Dataset records

Start of Block

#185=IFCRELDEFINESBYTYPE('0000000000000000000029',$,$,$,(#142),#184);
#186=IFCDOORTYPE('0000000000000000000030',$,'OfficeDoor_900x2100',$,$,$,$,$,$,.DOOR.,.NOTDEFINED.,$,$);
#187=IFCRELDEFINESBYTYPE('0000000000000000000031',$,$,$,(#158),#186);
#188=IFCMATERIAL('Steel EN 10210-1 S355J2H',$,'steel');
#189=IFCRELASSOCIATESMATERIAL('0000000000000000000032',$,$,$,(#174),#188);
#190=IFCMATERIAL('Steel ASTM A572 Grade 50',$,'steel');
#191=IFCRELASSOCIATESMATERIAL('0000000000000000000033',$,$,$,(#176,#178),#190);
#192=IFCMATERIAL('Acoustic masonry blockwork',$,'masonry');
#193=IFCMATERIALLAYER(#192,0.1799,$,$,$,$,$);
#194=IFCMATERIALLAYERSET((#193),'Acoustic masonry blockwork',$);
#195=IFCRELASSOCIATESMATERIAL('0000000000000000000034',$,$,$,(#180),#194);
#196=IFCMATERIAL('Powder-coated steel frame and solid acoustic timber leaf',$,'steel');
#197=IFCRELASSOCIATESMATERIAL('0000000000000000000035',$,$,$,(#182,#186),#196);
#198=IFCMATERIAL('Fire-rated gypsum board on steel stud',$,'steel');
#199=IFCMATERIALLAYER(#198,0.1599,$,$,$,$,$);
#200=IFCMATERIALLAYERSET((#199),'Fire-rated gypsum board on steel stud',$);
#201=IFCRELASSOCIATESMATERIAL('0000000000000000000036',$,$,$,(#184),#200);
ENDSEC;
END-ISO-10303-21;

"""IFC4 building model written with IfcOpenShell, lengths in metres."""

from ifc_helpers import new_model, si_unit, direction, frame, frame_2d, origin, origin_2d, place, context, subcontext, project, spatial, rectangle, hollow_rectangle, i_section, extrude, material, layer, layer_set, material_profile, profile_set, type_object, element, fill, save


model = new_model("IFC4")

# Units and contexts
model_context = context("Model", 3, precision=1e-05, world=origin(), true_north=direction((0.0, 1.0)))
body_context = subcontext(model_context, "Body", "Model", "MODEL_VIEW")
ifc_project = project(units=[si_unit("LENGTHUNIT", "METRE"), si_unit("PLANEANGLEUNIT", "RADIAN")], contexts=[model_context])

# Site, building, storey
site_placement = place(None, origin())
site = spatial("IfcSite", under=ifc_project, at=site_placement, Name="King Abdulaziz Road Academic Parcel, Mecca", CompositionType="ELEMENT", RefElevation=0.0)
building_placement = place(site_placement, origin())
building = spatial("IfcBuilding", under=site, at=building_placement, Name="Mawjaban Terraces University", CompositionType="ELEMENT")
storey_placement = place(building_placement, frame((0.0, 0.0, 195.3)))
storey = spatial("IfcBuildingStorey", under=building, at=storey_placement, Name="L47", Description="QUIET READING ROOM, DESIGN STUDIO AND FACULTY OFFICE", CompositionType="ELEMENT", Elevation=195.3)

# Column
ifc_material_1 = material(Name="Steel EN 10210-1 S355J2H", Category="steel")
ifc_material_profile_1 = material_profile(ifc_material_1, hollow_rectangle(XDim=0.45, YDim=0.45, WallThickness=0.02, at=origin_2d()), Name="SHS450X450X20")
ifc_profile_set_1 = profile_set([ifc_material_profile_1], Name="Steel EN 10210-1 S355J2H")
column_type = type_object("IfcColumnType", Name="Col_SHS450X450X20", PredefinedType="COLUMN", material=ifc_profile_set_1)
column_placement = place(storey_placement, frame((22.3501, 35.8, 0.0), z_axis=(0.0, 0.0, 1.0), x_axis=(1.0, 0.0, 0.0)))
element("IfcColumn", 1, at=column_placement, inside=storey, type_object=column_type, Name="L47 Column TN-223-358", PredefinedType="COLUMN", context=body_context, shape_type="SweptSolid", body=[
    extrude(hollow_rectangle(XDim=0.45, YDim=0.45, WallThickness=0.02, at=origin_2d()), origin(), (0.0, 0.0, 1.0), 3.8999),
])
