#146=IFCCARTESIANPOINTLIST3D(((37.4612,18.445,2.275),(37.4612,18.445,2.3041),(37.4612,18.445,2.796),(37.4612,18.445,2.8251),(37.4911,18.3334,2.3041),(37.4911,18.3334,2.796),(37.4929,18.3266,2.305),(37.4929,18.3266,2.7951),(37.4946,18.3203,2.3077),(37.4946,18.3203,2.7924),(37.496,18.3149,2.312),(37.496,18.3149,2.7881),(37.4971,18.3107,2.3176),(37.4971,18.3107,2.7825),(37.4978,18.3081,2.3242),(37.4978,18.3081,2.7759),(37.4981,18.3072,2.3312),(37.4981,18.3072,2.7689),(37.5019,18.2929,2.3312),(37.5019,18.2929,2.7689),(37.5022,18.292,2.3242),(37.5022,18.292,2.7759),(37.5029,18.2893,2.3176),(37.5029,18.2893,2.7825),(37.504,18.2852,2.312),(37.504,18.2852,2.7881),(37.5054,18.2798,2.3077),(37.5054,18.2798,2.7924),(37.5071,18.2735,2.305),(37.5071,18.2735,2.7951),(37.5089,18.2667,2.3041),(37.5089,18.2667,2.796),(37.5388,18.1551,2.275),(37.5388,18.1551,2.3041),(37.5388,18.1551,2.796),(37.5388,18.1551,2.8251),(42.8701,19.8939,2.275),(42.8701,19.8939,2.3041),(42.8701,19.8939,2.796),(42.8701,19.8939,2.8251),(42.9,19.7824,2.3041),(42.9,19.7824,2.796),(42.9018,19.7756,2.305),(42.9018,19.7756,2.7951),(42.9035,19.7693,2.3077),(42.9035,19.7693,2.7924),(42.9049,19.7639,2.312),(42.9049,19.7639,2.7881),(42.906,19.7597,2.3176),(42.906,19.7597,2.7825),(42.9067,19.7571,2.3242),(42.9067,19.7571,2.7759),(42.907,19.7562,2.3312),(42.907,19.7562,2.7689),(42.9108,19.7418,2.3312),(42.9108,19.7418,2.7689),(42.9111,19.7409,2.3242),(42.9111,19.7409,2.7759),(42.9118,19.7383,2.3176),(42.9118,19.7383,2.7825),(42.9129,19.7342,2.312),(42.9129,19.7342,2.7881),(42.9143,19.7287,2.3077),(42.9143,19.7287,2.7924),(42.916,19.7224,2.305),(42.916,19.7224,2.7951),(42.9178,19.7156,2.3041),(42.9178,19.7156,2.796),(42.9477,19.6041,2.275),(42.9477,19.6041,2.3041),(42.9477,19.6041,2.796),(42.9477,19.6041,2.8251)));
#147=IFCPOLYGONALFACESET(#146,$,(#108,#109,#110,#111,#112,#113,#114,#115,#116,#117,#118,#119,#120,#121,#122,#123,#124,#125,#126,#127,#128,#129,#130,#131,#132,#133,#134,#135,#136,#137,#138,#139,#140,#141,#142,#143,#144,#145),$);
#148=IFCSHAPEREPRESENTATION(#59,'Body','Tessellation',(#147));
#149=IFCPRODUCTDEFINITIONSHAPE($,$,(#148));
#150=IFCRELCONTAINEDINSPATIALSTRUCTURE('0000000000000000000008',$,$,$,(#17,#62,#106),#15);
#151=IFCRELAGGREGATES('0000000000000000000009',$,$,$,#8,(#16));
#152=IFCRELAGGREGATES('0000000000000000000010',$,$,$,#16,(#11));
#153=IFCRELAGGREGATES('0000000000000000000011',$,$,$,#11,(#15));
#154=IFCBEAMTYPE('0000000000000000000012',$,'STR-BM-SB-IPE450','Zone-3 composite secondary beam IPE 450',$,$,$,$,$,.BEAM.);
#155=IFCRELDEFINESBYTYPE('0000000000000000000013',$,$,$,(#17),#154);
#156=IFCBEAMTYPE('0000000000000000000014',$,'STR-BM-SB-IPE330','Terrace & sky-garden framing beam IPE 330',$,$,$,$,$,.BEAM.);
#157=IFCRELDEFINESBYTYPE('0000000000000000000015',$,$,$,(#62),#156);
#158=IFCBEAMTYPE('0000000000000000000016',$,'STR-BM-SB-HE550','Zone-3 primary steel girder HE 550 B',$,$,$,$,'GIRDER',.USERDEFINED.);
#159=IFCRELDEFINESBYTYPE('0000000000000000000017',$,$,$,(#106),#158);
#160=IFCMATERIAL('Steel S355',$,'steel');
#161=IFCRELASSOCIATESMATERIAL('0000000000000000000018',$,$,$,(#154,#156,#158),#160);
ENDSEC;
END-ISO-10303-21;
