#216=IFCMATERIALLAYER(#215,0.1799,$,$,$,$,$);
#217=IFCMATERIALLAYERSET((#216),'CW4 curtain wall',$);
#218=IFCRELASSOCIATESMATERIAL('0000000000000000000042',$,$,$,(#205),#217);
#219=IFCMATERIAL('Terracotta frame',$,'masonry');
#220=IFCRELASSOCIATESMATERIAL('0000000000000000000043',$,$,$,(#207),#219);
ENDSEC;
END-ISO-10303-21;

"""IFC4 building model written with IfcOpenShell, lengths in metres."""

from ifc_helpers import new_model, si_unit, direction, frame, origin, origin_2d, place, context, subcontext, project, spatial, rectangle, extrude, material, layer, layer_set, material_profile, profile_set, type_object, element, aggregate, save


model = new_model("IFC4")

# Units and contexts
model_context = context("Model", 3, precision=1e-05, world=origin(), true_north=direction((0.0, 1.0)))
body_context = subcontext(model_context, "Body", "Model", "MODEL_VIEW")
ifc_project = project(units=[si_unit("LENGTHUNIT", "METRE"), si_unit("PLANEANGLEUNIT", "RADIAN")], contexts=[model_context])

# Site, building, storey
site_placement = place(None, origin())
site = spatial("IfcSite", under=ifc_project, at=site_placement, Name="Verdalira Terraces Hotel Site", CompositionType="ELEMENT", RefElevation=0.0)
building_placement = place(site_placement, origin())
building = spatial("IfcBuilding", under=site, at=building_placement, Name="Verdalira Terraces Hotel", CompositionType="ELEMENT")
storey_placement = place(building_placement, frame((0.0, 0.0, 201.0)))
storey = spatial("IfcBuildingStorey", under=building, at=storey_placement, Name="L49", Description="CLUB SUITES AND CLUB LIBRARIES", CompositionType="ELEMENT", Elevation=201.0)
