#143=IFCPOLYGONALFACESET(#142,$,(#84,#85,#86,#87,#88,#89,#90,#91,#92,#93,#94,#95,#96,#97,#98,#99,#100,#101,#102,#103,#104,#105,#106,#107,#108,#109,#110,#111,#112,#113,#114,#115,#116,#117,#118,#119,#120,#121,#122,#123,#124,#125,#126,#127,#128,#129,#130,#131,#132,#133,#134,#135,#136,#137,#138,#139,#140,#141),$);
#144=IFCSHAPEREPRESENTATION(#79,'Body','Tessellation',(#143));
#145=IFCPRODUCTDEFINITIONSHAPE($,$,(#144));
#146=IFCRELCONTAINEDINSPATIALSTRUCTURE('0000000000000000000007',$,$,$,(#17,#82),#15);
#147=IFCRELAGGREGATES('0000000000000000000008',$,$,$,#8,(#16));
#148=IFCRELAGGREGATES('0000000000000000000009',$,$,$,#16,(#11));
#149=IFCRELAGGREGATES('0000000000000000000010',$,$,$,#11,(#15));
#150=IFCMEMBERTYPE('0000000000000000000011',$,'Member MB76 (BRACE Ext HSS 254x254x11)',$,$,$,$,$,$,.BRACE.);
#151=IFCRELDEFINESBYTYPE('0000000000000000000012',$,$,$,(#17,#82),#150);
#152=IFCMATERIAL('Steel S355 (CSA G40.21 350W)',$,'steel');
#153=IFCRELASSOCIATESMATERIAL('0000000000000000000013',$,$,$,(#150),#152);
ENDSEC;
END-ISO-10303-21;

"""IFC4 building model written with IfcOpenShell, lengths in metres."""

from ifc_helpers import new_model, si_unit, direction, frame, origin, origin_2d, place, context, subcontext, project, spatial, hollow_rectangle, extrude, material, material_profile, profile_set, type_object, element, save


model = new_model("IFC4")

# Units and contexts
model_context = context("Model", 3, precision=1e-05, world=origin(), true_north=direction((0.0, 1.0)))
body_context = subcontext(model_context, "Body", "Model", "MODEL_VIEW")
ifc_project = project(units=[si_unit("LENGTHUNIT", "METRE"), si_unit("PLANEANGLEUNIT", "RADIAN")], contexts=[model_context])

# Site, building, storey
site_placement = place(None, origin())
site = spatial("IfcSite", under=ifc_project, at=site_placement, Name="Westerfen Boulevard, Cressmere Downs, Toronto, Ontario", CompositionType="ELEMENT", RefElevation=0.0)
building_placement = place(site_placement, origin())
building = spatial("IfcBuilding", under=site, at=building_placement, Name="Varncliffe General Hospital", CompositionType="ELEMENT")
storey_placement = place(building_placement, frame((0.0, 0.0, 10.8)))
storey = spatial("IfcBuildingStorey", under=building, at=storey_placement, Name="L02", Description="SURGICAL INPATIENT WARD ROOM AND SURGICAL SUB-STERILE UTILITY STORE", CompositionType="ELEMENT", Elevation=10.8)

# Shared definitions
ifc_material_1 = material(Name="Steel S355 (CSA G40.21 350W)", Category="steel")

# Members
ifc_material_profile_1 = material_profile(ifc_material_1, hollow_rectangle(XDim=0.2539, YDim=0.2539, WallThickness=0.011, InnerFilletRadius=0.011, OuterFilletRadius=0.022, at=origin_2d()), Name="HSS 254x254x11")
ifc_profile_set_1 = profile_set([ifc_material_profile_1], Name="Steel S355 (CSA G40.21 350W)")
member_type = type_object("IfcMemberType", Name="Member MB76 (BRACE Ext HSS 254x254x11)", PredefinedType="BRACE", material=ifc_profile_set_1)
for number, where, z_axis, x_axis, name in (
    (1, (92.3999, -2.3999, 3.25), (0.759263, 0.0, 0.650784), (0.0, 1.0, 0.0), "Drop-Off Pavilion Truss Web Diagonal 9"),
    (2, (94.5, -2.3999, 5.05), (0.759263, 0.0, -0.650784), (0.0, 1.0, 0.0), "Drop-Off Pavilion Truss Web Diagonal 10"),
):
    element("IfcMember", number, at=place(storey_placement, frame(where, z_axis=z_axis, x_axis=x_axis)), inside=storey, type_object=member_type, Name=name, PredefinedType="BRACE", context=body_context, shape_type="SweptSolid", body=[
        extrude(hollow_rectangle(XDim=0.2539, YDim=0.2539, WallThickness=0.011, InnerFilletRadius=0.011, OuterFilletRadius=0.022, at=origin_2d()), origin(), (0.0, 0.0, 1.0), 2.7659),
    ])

End of Block

Repeat word for word every line from the start of the entries to the line holding "#200=IFCMATERIALLAYERSET((#199),'Fire-rated gypsum board", inclusive, and nothing else.

# Answer to this task
#185=IFCRELDEFINESBYTYPE('0000000000000000000029',$,$,$,(#142),#184);
#186=IFCDOORTYPE('0000000000000000000030',$,'OfficeDoor_900x2100',$,$,$,$,$,$,.DOOR.,.NOTDEFINED.,$,$);
#187=IFCRELDEFINESBYTYPE('0000000000000000000031',$,$,$,(#158),#186);
#188=IFCMATERIAL('Steel EN 10210-1 S355J2H',$,'steel');
#189=IFCRELASSOCIATESMATERIAL('0000000000000000000032',$,$,$,(#174),#188);
#190=IFCMATERIAL('Steel ASTM A572 Grade 50',$,'steel');
#191=IFCRELASSOCIATESMATERIAL('0000000000000000000033',$,$,$,(#176,#178),#190);
#192=IFCMATERIAL('Acoustic masonry blockwork',$,'masonry');
#193=IFCMATERIALLAYER(#192,0.1799,$,$,$,$,$);
#194=IFCMATERIALLAYERSET((#193),'Acoustic masonry blockwork',$);
#195=IFCRELASSOCIATESMATERIAL('0000000000000000000034',$,$,$,(#180),#194);
#196=IFCMATERIAL('Powder-coated steel frame and solid acoustic timber leaf',$,'steel');
#197=IFCRELASSOCIATESMATERIAL('0000000000000000000035',$,$,$,(#182,#186),#196);
#198=IFCMATERIAL('Fire-rated gypsum board on steel stud',$,'steel');
#199=IFCMATERIALLAYER(#198,0.1599,$,$,$,$,$);
#200=IFCMATERIALLAYERSET((#199),'Fire-rated gypsum board on steel stud',$);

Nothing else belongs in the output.